(Saved entries)
———
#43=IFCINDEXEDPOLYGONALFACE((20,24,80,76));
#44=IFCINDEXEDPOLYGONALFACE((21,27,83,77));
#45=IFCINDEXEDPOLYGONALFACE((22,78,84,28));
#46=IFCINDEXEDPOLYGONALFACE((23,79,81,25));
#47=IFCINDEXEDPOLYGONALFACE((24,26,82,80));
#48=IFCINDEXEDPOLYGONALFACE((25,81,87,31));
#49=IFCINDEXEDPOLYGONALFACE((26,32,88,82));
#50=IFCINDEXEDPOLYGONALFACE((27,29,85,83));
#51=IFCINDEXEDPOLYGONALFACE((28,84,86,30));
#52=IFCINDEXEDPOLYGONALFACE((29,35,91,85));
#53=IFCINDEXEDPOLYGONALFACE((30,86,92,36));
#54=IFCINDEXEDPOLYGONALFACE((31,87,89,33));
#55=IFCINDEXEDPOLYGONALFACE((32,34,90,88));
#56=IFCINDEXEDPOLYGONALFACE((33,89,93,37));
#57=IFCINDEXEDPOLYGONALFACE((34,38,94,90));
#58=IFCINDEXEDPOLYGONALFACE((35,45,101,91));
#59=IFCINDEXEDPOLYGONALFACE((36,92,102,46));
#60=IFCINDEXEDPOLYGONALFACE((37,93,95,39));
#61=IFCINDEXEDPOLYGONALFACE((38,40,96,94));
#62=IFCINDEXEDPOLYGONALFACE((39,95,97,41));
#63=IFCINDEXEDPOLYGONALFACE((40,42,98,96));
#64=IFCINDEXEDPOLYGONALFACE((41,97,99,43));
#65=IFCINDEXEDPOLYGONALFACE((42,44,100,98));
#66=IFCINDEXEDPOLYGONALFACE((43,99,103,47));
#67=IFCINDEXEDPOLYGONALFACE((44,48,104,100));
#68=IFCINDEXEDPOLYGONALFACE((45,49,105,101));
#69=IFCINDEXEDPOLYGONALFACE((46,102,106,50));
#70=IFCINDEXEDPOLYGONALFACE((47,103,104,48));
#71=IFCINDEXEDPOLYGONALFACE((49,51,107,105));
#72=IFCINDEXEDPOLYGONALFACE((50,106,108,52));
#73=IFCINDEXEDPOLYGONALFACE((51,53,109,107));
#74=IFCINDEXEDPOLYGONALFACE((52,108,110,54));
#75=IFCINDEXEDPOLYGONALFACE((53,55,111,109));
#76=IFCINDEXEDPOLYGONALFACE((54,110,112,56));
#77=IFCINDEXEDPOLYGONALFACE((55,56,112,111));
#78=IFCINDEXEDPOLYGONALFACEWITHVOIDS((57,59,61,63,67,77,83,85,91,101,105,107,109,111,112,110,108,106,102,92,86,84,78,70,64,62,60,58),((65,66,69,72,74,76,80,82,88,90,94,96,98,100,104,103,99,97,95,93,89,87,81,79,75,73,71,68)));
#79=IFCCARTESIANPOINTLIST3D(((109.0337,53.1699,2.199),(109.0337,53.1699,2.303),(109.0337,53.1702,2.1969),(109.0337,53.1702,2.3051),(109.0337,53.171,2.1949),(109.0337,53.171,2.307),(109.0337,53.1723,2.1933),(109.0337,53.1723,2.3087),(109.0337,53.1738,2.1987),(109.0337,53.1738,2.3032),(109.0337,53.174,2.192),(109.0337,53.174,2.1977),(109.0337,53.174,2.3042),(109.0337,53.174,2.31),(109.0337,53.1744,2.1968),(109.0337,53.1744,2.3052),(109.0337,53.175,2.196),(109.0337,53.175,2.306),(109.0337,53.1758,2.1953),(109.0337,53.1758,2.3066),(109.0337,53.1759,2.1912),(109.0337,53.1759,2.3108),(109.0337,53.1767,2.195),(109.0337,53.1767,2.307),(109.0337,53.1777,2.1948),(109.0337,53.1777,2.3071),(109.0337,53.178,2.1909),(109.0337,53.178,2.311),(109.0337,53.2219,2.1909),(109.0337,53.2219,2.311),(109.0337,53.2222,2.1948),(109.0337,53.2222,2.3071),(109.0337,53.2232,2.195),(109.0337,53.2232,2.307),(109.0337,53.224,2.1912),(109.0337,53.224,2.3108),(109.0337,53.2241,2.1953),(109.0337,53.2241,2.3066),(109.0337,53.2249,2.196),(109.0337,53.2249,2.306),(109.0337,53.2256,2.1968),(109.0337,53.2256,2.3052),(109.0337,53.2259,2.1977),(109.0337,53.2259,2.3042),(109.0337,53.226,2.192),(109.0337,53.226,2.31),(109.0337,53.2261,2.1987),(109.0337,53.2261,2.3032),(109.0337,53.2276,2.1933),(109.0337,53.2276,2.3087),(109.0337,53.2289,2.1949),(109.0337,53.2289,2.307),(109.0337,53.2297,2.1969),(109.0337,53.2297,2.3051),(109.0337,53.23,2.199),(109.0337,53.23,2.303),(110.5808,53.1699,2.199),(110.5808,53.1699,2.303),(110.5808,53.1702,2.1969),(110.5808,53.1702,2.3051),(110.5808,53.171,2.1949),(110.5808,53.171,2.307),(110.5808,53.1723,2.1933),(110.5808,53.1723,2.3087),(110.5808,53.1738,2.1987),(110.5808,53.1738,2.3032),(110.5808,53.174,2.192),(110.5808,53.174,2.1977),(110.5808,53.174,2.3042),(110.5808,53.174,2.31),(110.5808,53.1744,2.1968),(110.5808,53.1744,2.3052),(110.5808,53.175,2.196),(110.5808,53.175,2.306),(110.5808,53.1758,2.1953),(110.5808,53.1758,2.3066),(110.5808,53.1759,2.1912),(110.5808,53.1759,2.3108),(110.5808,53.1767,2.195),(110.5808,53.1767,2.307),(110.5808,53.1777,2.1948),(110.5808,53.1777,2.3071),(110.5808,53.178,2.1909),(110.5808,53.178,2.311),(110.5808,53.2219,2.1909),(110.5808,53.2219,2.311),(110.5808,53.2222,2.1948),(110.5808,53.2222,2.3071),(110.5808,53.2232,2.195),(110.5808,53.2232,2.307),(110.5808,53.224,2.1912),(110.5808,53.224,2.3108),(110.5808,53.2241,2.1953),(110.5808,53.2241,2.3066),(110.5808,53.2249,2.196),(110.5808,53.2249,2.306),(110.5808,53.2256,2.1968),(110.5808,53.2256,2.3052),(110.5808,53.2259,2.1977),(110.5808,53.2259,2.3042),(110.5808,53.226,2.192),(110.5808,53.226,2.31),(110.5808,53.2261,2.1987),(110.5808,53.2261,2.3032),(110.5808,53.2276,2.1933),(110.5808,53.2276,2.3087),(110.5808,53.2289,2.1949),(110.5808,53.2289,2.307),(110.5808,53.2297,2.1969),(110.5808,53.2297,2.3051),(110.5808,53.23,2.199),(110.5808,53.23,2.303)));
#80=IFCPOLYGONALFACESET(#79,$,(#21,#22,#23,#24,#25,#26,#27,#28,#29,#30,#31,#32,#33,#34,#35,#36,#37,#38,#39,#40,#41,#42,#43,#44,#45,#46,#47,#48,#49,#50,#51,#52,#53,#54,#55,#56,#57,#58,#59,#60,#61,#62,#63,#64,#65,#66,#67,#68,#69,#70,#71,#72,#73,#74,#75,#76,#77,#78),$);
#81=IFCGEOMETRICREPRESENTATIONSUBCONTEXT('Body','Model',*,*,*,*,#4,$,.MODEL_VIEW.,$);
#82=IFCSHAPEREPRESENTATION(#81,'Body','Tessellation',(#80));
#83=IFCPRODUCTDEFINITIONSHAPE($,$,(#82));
———
#### Activity:
Wherever a line of the entries holds the string "Body", copy that line.

#### Exercise solution:
#81=IFCGEOMETRICREPRESENTATIONSUBCONTEXT('Body','Model',*,*,*,*,#4,$,.MODEL_VIEW.,$);
#82=IFCSHAPEREPRESENTATION(#81,'Body','Tessellation',(#80));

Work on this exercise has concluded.